## TASK GOAL
Below is some data. Retype exactly the lines starting at the one with "#103=IFCPOLYGONALFACESET(#102,$,(#96,#97,#98,#99,#100,#101),$);" and ending at the one with "#108=IFCRELAGGREGATES('0000000000000000000014',$,$,$,#16,(#11));".

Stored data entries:
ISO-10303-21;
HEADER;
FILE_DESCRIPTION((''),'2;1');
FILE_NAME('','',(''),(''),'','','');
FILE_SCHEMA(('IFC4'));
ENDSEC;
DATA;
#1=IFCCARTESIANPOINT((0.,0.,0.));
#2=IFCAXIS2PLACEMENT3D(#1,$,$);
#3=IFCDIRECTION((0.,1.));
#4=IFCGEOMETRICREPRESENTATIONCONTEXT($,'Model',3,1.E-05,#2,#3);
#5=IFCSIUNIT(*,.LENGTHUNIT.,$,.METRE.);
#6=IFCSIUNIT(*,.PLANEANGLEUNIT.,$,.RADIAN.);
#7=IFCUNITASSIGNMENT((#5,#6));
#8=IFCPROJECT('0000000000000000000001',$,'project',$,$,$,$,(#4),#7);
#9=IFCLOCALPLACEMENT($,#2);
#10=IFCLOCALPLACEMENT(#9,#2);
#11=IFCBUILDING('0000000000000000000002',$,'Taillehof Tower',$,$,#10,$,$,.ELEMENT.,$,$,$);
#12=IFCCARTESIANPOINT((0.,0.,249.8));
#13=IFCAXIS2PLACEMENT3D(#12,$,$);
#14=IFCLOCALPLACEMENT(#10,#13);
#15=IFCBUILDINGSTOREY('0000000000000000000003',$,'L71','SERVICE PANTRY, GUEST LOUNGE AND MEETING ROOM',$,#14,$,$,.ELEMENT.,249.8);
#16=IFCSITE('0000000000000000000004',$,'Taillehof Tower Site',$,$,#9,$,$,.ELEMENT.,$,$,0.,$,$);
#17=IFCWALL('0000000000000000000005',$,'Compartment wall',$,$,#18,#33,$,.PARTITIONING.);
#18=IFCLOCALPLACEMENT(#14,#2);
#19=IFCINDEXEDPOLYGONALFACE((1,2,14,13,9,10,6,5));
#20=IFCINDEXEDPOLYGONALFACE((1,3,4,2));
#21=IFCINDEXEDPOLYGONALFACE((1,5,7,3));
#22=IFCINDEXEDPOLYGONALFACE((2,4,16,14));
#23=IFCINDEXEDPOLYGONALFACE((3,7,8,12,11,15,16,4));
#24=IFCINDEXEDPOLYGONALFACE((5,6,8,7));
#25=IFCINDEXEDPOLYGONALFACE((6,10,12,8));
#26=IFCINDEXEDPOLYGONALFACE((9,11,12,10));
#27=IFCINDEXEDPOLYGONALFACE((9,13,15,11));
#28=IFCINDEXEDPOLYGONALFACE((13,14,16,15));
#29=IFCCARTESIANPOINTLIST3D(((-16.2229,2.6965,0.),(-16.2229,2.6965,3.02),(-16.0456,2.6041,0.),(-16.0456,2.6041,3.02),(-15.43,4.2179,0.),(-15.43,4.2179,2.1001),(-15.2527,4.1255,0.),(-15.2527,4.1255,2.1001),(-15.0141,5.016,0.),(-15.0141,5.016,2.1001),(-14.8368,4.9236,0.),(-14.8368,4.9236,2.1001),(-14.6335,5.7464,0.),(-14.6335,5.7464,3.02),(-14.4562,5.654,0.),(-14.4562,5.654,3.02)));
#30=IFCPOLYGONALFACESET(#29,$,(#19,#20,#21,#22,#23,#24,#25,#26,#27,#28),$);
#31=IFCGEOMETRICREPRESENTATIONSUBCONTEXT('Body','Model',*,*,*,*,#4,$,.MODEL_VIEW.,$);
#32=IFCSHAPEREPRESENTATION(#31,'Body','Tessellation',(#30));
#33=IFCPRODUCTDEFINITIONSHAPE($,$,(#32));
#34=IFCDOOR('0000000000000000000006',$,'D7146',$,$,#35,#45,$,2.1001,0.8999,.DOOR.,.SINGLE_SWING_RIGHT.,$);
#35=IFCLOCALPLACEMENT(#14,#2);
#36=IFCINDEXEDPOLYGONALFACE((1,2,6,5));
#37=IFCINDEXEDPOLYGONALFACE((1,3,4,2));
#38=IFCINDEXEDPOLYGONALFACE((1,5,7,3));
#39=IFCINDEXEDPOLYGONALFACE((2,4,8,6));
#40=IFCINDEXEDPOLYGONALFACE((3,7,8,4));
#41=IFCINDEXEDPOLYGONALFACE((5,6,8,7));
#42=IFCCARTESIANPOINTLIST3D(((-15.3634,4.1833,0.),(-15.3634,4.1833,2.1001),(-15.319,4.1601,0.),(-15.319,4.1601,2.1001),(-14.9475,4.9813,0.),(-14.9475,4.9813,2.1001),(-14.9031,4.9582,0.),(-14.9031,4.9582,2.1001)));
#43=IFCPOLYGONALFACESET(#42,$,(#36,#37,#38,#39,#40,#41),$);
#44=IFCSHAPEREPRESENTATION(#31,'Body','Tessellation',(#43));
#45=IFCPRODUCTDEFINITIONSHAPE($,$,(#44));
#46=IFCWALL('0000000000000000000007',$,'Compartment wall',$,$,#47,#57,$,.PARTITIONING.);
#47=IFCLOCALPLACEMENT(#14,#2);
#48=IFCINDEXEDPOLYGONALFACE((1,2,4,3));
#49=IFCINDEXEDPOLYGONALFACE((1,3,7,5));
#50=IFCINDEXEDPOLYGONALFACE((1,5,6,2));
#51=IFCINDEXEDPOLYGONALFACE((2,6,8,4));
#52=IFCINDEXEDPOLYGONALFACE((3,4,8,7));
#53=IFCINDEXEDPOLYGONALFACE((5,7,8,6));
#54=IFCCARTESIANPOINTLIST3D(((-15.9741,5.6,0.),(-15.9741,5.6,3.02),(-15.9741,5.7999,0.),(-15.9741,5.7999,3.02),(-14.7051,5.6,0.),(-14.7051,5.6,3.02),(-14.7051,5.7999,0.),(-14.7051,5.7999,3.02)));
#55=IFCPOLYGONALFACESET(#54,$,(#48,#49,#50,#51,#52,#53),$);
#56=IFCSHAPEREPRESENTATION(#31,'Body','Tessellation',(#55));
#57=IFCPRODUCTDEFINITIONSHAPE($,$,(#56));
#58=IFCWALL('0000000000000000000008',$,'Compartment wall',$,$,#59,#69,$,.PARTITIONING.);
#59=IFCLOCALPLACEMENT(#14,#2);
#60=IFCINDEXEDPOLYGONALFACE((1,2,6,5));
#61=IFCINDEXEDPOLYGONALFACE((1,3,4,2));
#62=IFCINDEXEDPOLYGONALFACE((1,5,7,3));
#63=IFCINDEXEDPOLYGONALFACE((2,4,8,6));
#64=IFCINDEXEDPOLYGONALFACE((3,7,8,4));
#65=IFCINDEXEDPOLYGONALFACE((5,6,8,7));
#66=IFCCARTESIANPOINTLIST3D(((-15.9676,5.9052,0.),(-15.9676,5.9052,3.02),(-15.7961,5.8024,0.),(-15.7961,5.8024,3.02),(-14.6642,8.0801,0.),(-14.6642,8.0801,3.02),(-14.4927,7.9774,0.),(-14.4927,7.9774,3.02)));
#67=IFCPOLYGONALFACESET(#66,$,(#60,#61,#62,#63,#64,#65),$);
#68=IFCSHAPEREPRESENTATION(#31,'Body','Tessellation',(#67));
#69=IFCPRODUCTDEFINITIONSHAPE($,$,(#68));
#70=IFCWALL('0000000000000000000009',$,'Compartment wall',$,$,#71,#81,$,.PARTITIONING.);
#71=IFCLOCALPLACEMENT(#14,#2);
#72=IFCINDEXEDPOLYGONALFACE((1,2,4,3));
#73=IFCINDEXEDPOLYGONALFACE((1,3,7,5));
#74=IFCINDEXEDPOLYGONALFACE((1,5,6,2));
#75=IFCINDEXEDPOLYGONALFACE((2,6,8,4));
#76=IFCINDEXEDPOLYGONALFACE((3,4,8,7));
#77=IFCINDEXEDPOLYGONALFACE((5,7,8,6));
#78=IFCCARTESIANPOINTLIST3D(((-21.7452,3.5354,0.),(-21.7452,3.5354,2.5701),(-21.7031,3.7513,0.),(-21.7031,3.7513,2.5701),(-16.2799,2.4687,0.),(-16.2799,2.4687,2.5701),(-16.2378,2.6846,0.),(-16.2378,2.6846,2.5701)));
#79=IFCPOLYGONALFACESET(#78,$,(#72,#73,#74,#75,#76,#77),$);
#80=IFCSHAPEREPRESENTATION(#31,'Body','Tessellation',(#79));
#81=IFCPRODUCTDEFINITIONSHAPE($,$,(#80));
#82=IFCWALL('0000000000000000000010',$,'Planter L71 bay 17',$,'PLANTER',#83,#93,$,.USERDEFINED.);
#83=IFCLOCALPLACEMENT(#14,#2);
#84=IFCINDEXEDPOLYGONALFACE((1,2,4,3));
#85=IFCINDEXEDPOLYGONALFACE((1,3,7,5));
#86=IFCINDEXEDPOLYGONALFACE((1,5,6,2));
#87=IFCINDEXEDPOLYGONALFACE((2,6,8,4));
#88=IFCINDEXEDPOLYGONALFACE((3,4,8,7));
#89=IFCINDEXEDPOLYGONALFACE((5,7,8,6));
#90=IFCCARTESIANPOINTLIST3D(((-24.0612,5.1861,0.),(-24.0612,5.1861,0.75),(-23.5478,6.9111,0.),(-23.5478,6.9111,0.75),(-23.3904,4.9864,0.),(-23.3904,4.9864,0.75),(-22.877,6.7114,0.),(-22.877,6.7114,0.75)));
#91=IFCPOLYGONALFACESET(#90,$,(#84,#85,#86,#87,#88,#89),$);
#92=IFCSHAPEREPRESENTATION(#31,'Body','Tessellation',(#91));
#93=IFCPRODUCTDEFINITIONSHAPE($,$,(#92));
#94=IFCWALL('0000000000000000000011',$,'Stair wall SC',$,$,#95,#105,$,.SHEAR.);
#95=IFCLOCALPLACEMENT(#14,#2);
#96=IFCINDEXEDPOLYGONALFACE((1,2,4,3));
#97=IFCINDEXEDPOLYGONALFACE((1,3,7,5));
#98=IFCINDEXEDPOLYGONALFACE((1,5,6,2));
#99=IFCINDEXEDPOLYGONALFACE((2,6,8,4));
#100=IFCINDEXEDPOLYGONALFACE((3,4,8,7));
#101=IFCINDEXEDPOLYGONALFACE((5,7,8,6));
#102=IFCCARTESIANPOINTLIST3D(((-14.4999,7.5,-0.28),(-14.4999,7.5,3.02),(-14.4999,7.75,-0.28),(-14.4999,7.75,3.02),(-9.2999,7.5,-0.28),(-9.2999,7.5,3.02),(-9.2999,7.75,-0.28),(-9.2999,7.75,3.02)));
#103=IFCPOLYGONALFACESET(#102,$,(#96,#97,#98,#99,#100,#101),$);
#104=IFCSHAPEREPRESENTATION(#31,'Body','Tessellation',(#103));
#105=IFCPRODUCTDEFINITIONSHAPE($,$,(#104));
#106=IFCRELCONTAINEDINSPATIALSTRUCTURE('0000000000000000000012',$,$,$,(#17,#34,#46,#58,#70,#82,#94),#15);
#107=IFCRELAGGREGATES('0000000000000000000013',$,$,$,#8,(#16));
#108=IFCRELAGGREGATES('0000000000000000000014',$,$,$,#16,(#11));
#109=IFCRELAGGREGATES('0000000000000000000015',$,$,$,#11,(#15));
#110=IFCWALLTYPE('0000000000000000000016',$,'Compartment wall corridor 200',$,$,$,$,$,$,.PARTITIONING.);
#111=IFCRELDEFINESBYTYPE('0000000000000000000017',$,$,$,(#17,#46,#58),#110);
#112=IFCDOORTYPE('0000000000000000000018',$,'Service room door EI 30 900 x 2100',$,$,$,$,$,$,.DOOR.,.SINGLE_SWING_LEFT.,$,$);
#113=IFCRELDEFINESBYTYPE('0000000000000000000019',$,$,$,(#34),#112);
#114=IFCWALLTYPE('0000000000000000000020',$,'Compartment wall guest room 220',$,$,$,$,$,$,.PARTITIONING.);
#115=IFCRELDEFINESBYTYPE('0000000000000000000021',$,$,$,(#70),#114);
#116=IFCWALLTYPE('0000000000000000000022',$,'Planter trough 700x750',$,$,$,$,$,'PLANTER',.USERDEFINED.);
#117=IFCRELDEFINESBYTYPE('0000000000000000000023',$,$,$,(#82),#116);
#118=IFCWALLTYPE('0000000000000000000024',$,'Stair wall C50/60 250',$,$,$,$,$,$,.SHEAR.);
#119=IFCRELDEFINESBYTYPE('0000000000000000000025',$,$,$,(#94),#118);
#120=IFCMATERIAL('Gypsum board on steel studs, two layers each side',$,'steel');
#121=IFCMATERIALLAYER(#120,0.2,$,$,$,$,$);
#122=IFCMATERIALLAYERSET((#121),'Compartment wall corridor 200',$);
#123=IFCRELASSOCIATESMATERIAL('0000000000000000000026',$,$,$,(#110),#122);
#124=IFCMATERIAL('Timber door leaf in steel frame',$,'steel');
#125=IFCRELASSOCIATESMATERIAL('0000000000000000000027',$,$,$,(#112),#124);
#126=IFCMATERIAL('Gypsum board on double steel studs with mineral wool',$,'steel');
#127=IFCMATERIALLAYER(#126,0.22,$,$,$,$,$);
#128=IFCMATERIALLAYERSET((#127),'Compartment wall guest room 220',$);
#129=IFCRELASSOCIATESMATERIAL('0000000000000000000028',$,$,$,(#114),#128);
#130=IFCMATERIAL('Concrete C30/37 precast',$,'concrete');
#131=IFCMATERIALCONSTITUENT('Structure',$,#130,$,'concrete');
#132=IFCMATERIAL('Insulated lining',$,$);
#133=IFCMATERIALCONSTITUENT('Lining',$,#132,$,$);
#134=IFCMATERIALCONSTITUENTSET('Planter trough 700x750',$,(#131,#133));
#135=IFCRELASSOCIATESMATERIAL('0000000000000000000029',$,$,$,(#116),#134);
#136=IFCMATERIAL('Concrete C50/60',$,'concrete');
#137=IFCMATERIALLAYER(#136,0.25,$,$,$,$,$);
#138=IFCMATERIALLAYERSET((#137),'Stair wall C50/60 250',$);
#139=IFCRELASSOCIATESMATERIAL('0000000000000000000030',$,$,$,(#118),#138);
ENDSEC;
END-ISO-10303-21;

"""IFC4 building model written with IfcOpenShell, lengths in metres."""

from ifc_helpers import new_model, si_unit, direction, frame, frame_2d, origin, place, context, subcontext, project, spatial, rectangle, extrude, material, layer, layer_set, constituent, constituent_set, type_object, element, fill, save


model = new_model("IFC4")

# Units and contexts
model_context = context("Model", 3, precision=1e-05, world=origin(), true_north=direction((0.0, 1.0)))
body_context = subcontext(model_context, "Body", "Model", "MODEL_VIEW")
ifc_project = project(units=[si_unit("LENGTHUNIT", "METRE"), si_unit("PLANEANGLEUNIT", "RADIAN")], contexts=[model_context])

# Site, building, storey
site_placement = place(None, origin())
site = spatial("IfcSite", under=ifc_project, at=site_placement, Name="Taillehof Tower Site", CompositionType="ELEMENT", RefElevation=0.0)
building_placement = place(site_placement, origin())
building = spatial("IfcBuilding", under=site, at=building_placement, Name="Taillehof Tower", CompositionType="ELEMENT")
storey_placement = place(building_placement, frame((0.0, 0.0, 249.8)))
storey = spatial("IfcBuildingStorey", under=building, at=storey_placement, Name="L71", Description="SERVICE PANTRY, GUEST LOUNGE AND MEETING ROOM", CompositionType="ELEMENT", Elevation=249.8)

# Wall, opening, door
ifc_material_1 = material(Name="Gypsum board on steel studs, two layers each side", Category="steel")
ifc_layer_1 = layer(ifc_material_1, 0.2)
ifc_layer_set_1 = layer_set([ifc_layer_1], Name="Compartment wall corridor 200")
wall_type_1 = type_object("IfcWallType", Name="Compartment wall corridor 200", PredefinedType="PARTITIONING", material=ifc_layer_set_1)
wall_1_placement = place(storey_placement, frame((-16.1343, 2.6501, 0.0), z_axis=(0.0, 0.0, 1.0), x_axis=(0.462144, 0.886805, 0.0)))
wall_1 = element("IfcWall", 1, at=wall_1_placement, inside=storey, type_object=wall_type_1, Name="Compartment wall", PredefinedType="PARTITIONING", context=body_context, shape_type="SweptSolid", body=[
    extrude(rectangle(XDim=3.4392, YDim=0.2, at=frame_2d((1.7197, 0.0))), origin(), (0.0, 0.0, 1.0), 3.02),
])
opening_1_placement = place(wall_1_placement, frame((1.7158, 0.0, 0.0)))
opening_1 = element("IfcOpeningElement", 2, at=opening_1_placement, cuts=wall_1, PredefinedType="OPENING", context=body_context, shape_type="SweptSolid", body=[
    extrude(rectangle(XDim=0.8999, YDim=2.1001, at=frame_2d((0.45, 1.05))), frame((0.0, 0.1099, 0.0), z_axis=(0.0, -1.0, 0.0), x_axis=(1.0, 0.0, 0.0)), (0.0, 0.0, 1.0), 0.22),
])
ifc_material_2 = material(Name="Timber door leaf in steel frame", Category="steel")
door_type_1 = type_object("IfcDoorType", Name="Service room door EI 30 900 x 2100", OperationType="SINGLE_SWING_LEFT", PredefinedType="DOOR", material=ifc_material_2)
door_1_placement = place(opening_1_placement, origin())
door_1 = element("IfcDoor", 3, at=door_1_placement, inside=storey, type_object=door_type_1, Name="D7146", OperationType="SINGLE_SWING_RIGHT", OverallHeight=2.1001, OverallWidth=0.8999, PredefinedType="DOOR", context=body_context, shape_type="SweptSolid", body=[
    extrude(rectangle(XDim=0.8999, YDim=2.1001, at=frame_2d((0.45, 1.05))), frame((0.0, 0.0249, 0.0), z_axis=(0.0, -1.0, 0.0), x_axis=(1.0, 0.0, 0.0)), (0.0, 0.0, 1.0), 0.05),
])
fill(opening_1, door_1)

## RESULT FOR THIS EXERCISE
#103=IFCPOLYGONALFACESET(#102,$,(#96,#97,#98,#99,#100,#101),$);
#104=IFCSHAPEREPRESENTATION(#31,'Body','Tessellation',(#103));
#105=IFCPRODUCTDEFINITIONSHAPE($,$,(#104));
#106=IFCRELCONTAINEDINSPATIALSTRUCTURE('0000000000000000000012',$,$,$,(#17,#34,#46,#58,#70,#82,#94),#15);
#107=IFCRELAGGREGATES('0000000000000000000013',$,$,$,#8,(#16));
#108=IFCRELAGGREGATES('0000000000000000000014',$,$,$,#16,(#11));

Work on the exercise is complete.